(Excerpts from a dataset)

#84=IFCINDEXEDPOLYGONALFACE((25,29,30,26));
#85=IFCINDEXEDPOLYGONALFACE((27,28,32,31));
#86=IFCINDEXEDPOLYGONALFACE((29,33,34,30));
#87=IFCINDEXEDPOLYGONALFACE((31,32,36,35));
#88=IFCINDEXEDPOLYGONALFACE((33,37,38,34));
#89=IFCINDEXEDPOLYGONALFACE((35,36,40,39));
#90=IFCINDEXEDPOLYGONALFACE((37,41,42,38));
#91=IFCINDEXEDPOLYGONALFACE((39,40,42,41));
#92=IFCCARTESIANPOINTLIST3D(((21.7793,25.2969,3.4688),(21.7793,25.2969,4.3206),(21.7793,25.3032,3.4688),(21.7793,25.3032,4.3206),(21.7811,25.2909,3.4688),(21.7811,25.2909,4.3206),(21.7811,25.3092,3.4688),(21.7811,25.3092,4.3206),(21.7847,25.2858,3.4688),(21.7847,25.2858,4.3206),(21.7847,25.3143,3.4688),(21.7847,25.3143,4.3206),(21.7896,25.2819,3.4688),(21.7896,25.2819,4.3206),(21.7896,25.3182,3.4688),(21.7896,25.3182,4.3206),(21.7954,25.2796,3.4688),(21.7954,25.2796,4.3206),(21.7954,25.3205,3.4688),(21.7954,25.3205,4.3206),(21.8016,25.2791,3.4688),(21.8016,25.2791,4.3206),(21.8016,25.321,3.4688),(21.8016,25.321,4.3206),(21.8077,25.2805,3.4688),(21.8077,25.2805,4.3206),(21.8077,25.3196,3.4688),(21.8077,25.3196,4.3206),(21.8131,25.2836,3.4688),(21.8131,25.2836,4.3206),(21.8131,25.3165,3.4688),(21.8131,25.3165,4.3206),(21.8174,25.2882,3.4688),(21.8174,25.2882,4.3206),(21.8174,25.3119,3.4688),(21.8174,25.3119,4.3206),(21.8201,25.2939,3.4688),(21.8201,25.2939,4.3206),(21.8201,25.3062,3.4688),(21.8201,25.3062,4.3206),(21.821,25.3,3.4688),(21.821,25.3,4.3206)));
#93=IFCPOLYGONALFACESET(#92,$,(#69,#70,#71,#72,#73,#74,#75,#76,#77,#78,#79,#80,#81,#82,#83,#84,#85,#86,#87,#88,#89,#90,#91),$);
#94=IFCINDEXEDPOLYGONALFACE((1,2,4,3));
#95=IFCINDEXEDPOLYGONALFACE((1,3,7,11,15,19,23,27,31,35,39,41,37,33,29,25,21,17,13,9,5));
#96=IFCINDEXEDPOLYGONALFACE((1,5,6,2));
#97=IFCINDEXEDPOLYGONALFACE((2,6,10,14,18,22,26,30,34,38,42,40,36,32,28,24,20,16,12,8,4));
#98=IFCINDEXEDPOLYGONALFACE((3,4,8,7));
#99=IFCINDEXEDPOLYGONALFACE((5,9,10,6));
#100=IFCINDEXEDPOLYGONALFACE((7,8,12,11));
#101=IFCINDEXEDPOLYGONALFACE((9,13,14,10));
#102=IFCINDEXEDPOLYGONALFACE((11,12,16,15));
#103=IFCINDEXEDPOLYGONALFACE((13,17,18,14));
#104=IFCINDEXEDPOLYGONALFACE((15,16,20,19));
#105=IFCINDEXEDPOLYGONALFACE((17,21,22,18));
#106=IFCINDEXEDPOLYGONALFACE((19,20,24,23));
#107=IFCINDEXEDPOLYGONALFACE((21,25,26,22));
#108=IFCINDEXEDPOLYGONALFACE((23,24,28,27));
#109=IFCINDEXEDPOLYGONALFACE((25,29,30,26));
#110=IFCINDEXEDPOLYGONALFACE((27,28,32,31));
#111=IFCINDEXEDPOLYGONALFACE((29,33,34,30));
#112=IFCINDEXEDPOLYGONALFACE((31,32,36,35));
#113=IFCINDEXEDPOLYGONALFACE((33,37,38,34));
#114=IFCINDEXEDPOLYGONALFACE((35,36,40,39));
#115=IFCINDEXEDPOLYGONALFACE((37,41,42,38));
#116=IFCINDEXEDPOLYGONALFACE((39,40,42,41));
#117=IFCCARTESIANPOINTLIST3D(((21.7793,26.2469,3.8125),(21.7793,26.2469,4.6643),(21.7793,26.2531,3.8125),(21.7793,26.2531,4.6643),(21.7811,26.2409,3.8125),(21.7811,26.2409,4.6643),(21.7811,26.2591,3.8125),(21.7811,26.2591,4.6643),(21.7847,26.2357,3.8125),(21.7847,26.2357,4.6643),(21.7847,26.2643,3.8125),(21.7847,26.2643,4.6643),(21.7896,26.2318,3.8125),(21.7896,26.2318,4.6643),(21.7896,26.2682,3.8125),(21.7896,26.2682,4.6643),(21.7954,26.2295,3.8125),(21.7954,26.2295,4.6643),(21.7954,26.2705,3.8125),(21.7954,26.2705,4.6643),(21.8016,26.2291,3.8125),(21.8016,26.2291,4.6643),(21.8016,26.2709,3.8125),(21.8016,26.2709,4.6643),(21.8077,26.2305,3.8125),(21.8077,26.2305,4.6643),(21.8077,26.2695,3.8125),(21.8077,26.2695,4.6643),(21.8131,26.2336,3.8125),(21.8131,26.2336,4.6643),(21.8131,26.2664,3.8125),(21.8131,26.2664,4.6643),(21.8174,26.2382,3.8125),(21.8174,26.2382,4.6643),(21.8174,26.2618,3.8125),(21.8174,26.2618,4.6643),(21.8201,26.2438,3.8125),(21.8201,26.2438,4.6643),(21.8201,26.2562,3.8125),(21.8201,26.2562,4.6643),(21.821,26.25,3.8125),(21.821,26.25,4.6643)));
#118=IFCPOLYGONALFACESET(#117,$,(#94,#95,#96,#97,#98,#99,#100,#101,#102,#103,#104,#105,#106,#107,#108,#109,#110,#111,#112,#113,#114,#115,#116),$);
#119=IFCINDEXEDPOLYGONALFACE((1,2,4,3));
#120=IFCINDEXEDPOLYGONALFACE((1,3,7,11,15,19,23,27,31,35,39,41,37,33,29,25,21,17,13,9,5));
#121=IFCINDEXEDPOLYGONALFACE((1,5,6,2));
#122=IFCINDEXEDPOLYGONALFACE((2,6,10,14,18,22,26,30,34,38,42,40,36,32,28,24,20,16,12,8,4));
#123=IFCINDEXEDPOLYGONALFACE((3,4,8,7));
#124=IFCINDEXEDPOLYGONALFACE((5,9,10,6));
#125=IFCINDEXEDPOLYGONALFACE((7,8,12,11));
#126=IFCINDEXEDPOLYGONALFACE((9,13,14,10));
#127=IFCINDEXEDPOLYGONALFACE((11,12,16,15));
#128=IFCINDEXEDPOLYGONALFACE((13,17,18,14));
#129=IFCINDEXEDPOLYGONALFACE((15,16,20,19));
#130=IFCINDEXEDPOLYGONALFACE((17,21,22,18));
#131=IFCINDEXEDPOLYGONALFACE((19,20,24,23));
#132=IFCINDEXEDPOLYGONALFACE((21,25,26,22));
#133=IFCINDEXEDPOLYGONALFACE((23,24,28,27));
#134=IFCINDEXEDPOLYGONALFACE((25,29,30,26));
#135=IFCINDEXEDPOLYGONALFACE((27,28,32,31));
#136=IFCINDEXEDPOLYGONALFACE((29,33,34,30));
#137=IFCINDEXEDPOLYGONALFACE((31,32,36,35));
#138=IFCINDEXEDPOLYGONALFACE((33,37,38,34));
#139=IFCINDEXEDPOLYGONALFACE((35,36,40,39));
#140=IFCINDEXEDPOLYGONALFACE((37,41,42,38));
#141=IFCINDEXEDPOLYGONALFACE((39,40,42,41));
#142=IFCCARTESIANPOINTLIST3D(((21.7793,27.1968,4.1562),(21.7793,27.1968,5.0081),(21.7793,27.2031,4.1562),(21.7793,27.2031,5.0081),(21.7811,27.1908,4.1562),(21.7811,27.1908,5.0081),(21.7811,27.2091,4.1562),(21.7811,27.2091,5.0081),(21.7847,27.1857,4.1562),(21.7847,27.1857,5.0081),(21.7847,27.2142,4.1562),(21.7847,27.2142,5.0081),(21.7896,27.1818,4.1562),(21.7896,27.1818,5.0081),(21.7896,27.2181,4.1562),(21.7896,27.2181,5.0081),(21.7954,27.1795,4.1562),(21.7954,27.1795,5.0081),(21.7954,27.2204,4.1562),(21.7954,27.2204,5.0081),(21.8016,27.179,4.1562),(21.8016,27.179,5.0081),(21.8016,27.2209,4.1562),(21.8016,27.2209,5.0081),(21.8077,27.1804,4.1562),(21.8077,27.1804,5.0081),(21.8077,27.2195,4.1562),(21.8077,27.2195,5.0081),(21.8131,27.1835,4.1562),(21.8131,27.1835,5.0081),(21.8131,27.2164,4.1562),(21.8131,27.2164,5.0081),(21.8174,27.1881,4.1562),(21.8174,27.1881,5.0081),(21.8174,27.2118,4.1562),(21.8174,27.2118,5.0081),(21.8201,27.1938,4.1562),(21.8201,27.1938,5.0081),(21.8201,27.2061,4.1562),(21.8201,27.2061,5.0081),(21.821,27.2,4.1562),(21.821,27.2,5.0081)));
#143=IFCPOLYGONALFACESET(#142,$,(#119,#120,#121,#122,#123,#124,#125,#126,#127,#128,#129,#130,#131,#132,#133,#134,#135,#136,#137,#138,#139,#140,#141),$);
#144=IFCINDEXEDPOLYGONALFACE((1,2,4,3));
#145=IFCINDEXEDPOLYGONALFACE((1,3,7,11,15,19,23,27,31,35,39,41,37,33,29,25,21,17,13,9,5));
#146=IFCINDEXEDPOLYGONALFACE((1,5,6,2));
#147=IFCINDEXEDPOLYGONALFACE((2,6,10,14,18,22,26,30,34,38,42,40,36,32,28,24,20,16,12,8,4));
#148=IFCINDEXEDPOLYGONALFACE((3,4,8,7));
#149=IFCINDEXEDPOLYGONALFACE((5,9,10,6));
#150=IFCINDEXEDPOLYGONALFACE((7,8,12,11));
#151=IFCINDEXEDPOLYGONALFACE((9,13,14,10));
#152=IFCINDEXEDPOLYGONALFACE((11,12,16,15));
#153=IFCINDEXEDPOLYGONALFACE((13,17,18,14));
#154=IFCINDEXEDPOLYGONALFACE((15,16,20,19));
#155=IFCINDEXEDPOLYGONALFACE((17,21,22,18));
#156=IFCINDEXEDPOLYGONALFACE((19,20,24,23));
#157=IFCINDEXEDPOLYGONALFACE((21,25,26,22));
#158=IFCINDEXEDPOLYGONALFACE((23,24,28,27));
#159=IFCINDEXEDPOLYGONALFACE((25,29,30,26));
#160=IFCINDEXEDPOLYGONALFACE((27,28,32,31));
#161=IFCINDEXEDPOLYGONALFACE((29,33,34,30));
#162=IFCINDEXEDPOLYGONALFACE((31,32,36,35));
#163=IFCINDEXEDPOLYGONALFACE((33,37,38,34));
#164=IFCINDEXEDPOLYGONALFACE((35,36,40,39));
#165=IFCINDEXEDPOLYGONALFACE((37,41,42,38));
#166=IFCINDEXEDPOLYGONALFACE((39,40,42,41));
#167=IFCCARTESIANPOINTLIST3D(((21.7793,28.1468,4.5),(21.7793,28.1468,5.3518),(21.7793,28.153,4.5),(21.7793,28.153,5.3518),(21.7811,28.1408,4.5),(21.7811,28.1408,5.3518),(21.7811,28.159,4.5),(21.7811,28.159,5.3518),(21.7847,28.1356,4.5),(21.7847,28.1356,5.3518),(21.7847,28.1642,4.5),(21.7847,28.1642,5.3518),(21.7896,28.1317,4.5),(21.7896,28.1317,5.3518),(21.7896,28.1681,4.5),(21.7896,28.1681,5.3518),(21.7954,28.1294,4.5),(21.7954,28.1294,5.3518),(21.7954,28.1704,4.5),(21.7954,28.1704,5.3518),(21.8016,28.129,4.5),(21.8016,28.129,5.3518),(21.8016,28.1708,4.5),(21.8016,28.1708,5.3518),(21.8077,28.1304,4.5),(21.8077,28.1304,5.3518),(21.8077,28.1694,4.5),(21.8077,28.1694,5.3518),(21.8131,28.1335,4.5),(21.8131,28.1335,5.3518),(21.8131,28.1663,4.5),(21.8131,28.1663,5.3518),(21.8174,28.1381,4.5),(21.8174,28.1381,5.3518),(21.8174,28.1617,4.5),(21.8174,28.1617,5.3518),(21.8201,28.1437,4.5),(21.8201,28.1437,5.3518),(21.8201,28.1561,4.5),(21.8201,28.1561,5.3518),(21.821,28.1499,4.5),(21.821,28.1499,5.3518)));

What to work on:
Only the lines containing the word "IFCPOLYGONALFACESET" should be returned from the data above.

Answer section:
#93=IFCPOLYGONALFACESET(#92,$,(#69,#70,#71,#72,#73,#74,#75,#76,#77,#78,#79,#80,#81,#82,#83,#84,#85,#86,#87,#88,#89,#90,#91),$);
#118=IFCPOLYGONALFACESET(#117,$,(#94,#95,#96,#97,#98,#99,#100,#101,#102,#103,#104,#105,#106,#107,#108,#109,#110,#111,#112,#113,#114,#115,#116),$);
#143=IFCPOLYGONALFACESET(#142,$,(#119,#120,#121,#122,#123,#124,#125,#126,#127,#128,#129,#130,#131,#132,#133,#134,#135,#136,#137,#138,#139,#140,#141),$);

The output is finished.